- Work to be completed -
Exact reproduction required: the lines below from the line with "#24=IFCINDEXEDPOLYGONALFACE((5,7,8,6));" to the line with "#26=IFCPOLYGONALFACESET(#25,$,(#19,#20,#21,#22,#23,#24),$);", both ends included, and no others.

(Records excerpted from a collection)
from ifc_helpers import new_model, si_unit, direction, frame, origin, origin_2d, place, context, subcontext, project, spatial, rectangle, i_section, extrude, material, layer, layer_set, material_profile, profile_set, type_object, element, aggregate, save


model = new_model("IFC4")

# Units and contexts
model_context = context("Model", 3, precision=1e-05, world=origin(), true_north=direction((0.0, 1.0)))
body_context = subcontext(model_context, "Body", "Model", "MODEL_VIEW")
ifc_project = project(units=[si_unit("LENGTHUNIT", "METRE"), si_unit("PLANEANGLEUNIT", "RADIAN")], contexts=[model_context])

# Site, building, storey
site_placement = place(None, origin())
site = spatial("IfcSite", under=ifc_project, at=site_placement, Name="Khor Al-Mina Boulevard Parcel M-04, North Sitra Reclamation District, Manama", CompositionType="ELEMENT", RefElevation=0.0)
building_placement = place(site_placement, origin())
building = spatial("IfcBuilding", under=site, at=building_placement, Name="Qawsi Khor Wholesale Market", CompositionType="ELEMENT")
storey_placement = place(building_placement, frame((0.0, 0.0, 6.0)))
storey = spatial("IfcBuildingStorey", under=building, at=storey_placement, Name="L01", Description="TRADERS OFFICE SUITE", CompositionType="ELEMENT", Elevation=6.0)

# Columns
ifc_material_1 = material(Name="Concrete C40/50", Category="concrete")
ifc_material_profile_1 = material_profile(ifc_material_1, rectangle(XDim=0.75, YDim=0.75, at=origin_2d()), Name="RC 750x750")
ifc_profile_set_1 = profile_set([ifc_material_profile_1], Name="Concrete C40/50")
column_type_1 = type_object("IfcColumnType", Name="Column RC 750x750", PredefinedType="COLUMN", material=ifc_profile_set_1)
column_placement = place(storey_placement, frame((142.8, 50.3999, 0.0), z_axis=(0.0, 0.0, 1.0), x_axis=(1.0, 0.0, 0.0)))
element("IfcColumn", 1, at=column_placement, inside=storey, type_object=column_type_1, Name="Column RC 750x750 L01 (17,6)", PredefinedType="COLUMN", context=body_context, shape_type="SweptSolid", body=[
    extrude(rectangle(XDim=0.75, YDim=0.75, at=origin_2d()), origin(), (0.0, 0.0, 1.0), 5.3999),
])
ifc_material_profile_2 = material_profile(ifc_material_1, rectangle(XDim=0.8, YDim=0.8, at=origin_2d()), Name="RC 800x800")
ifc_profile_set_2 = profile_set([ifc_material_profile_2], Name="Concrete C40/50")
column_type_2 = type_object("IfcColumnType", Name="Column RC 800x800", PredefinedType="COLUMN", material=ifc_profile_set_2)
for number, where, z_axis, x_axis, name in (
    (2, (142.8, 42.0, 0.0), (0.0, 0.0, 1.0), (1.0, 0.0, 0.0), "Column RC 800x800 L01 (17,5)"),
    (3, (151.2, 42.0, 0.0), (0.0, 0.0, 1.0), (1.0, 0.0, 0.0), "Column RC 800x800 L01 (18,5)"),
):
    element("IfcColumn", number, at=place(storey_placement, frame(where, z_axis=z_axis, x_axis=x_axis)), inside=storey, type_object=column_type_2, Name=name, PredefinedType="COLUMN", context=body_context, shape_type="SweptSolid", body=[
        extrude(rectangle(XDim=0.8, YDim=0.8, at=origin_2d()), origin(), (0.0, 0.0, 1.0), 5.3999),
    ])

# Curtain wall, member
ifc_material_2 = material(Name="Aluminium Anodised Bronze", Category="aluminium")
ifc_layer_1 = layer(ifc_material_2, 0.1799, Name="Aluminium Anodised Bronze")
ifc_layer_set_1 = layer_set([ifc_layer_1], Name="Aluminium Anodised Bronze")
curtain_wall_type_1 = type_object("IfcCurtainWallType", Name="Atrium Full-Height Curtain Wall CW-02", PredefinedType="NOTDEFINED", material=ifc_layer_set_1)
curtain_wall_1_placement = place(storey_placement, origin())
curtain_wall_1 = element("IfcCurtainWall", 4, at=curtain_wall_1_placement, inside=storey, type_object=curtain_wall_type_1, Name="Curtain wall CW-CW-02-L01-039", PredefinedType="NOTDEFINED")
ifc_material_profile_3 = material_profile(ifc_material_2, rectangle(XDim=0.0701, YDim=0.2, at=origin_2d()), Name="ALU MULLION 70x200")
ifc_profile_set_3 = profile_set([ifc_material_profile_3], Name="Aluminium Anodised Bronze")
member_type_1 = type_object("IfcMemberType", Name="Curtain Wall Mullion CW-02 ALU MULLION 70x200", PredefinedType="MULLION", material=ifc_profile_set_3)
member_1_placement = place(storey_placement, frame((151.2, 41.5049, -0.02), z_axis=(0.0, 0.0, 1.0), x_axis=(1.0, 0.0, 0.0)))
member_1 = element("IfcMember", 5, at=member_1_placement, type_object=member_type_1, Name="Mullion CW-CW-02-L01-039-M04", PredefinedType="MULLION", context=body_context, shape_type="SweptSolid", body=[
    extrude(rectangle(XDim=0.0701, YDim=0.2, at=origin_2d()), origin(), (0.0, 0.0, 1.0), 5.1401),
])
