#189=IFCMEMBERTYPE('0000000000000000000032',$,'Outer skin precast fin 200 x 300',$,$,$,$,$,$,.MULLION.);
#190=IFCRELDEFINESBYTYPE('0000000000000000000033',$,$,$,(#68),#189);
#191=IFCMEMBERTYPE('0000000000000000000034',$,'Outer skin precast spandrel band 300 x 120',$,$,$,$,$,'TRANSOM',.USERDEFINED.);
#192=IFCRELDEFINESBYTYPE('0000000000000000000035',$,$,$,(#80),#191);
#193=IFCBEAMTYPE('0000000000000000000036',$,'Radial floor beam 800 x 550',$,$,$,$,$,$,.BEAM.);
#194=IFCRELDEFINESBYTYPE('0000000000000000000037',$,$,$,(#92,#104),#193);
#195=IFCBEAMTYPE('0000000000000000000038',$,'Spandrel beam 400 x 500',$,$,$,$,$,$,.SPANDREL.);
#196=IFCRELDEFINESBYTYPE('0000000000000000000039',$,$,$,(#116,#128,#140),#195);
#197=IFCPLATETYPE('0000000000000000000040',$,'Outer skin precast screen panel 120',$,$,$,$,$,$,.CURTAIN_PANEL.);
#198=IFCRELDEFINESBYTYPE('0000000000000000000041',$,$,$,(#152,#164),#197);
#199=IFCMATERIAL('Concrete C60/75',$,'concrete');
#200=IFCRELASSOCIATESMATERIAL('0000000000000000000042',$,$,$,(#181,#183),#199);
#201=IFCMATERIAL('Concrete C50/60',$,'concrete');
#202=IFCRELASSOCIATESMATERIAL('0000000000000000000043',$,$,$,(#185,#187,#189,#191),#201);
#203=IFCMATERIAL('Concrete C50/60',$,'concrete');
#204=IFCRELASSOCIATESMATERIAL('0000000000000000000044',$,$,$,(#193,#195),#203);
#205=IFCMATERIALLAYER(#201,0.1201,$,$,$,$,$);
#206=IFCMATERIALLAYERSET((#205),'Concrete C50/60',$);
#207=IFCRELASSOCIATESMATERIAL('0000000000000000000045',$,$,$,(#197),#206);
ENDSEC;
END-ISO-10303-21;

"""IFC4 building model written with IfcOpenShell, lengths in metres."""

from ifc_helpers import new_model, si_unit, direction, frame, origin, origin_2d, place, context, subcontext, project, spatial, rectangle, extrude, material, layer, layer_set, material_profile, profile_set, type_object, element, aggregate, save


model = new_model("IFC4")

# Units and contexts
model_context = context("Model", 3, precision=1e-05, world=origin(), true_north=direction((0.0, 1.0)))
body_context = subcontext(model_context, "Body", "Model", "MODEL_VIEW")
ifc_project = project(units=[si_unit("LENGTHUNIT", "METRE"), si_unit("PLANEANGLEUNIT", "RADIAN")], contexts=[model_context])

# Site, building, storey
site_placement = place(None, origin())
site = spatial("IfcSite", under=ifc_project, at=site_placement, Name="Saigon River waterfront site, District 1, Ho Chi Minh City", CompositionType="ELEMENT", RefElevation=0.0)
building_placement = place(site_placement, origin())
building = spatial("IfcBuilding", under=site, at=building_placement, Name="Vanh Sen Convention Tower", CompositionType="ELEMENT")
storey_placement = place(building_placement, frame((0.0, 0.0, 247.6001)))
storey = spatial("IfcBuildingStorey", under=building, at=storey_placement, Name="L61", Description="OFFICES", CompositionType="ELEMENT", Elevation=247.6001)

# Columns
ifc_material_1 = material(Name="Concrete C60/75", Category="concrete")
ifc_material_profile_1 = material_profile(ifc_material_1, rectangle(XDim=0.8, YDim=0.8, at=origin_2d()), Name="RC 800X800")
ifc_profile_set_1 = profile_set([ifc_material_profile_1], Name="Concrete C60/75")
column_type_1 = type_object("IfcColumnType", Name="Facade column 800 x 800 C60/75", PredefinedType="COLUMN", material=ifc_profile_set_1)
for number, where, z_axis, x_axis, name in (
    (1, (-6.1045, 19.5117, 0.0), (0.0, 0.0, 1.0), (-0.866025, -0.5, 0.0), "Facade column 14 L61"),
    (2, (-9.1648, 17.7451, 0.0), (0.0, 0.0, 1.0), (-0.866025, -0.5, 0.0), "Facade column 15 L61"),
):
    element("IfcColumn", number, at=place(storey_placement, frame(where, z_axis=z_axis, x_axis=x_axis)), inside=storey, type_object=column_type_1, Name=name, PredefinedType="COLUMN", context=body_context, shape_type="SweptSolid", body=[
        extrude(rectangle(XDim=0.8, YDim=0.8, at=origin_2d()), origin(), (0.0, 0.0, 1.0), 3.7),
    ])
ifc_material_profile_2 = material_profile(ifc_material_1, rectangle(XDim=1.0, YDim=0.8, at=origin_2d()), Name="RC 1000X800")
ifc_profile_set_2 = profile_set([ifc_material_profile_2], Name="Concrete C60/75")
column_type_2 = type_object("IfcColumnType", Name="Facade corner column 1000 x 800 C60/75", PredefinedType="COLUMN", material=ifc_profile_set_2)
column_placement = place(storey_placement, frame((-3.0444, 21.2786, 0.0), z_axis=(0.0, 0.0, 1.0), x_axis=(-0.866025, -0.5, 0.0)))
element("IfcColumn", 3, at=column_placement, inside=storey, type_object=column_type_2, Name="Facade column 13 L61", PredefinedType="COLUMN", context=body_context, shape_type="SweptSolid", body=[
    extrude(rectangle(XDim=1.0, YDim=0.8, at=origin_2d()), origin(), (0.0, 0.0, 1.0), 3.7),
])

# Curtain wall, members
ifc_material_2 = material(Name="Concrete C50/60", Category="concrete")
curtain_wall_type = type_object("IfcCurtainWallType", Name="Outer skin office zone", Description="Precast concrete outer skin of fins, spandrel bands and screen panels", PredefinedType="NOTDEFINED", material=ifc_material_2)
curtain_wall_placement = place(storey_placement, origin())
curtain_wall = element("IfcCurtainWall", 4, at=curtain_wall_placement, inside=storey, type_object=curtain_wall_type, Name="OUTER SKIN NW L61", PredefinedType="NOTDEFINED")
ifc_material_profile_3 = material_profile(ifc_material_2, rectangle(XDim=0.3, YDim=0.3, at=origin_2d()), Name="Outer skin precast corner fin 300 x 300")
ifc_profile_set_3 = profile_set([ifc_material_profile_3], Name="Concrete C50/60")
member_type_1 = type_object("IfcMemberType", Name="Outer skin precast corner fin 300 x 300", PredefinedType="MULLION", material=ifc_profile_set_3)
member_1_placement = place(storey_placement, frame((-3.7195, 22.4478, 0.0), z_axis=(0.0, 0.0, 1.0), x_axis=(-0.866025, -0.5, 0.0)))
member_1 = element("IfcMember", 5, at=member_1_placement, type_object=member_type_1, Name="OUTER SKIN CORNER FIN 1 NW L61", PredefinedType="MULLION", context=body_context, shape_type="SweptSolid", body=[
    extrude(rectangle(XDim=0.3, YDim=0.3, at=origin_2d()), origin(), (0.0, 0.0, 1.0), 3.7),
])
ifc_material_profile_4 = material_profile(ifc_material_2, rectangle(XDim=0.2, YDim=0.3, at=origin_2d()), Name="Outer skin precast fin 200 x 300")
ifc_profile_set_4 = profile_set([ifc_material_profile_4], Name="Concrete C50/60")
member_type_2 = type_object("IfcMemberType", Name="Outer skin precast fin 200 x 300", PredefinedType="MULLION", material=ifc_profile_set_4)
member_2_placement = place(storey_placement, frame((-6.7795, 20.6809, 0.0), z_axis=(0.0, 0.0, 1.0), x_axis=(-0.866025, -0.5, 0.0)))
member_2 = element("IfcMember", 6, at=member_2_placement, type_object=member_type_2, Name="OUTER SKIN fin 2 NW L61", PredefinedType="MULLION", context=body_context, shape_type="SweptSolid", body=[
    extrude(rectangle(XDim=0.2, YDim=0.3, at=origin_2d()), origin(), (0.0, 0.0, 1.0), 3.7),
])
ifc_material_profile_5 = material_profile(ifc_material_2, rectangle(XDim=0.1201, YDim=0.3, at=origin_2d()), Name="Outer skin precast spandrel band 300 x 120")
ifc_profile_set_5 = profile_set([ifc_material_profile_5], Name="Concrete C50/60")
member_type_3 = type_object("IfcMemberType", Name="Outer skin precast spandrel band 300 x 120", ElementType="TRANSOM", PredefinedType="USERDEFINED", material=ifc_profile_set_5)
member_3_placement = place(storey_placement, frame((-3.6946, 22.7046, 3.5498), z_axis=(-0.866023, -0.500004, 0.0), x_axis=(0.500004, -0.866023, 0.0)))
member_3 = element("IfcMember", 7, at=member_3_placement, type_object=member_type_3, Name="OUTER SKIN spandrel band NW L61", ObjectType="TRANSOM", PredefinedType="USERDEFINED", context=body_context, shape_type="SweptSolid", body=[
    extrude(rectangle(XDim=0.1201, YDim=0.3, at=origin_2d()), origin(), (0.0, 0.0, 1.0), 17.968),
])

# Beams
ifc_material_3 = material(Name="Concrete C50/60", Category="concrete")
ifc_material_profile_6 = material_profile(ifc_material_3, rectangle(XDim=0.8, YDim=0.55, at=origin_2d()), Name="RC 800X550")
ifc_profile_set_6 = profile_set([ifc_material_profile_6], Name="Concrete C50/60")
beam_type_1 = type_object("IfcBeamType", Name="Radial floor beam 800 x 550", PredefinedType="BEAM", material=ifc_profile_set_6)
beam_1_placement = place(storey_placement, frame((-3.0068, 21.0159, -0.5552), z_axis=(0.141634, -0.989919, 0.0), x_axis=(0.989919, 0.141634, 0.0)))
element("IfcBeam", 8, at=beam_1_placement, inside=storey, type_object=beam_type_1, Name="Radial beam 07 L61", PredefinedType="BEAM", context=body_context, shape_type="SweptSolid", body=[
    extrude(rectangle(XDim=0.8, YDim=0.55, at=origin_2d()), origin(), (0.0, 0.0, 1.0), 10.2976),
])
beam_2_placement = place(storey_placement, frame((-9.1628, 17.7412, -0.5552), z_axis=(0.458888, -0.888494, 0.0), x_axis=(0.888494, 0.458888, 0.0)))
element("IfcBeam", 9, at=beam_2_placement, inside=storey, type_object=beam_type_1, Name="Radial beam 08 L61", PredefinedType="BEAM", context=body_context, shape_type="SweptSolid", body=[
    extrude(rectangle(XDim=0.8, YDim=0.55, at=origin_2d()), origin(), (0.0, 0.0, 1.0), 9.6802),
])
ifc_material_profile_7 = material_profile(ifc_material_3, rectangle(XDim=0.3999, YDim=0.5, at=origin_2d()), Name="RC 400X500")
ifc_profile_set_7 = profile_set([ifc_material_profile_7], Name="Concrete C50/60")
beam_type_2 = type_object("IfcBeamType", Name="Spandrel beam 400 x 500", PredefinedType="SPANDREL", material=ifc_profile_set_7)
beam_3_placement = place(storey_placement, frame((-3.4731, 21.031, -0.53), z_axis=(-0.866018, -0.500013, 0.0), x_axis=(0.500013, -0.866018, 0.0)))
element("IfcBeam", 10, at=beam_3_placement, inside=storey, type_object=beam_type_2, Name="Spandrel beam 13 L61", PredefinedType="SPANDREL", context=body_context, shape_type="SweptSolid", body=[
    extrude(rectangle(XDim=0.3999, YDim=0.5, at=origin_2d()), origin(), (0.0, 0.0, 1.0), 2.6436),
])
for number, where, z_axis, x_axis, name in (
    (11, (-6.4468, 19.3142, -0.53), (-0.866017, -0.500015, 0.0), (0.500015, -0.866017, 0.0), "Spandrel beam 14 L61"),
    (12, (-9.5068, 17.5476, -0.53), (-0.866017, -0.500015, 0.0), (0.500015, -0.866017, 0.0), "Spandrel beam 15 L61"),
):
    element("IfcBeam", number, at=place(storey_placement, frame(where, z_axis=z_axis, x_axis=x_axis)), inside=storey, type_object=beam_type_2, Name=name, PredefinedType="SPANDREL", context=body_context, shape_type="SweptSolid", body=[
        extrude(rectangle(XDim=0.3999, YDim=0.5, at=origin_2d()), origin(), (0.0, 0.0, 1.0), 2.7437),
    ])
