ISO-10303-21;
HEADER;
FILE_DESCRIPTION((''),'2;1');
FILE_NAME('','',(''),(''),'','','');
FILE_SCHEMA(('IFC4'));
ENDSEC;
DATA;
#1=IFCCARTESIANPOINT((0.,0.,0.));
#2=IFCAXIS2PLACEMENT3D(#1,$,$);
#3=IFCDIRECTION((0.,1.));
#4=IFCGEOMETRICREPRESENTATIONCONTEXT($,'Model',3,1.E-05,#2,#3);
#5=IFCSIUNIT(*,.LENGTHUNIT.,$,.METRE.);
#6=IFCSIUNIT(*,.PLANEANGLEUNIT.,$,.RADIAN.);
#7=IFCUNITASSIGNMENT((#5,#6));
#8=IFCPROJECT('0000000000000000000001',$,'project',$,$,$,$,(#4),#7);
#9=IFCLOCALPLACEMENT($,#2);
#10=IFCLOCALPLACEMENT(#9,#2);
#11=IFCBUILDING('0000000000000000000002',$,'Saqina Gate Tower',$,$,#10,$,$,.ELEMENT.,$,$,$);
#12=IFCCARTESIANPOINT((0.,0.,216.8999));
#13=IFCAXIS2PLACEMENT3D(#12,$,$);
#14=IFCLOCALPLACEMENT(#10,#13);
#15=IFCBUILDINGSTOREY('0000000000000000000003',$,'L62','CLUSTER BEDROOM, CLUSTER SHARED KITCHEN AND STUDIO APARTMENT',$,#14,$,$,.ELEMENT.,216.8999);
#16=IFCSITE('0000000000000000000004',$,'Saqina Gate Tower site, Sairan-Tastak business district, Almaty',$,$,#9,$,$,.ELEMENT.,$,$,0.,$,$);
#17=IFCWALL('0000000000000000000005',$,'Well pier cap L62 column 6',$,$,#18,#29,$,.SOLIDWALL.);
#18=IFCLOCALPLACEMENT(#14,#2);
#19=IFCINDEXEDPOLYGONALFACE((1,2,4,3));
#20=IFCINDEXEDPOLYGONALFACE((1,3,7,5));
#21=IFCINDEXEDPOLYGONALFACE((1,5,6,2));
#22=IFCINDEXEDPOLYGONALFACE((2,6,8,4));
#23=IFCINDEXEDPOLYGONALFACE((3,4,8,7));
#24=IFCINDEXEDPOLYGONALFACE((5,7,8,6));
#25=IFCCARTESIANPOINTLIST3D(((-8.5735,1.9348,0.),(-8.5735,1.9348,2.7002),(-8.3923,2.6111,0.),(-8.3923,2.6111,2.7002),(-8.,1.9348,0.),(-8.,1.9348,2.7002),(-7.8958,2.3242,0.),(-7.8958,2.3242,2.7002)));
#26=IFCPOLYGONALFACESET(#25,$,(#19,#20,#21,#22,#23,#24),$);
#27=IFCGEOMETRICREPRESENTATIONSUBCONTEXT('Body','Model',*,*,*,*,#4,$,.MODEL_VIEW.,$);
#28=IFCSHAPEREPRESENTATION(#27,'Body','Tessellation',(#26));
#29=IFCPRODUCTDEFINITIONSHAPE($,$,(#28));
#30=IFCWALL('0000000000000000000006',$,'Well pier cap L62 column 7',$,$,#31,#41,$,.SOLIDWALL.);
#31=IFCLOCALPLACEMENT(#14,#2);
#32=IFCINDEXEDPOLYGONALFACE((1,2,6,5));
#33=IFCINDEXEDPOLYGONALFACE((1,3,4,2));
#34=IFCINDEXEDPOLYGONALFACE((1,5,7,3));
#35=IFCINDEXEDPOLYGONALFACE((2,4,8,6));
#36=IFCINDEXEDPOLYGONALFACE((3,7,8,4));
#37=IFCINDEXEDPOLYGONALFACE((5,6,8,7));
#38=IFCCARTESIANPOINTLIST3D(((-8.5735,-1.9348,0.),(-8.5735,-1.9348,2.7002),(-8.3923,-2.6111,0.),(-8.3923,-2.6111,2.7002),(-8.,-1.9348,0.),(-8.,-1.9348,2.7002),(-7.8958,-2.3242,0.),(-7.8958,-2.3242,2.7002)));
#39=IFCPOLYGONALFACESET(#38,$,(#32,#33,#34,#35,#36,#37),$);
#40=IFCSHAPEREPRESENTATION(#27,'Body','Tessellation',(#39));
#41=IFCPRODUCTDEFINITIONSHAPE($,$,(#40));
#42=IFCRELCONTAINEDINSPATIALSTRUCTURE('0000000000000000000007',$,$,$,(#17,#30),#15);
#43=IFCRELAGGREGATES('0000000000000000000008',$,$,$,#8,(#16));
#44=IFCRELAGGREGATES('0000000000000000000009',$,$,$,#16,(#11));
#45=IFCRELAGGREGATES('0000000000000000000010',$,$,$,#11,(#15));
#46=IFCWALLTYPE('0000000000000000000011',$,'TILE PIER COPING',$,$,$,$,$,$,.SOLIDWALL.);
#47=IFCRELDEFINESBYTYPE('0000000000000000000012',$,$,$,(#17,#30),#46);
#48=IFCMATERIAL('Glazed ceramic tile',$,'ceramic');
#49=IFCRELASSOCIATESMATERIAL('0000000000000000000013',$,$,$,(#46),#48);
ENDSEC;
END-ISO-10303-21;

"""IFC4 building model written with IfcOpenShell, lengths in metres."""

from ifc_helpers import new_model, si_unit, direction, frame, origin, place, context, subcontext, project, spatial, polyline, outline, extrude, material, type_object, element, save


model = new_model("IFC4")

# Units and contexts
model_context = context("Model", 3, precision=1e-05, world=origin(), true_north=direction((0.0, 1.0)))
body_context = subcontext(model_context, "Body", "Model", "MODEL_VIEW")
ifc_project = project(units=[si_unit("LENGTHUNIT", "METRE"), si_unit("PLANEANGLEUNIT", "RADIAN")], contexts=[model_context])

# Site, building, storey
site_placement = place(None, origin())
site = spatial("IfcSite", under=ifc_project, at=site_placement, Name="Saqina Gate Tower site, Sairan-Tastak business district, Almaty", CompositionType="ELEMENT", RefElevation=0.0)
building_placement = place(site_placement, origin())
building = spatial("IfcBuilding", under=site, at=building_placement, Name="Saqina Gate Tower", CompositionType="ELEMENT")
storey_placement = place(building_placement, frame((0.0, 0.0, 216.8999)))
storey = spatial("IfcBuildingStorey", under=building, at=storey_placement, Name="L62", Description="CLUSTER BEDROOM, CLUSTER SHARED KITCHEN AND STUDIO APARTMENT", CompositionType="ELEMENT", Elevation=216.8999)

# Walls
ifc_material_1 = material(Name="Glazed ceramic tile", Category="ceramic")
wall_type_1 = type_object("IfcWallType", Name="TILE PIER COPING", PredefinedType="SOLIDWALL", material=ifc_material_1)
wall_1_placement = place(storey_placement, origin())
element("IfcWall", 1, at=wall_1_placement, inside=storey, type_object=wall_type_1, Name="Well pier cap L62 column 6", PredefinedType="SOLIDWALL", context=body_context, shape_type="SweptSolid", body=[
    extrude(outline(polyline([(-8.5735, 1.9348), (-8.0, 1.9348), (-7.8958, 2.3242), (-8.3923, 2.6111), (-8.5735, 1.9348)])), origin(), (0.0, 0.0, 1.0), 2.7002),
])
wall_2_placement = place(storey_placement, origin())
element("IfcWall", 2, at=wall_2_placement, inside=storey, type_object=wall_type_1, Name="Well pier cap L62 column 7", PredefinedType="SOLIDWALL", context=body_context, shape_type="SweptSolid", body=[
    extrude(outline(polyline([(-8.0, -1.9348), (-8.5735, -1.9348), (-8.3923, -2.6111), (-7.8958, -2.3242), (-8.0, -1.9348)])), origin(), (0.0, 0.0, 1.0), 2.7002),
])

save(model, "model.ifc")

- Answer -
#24=IFCINDEXEDPOLYGONALFACE((5,7,8,6));
#25=IFCCARTESIANPOINTLIST3D(((-8.5735,1.9348,0.),(-8.5735,1.9348,2.7002),(-8.3923,2.6111,0.),(-8.3923,2.6111,2.7002),(-8.,1.9348,0.),(-8.,1.9348,2.7002),(-7.8958,2.3242,0.),(-7.8958,2.3242,2.7002)));
#26=IFCPOLYGONALFACESET(#25,$,(#19,#20,#21,#22,#23,#24),$);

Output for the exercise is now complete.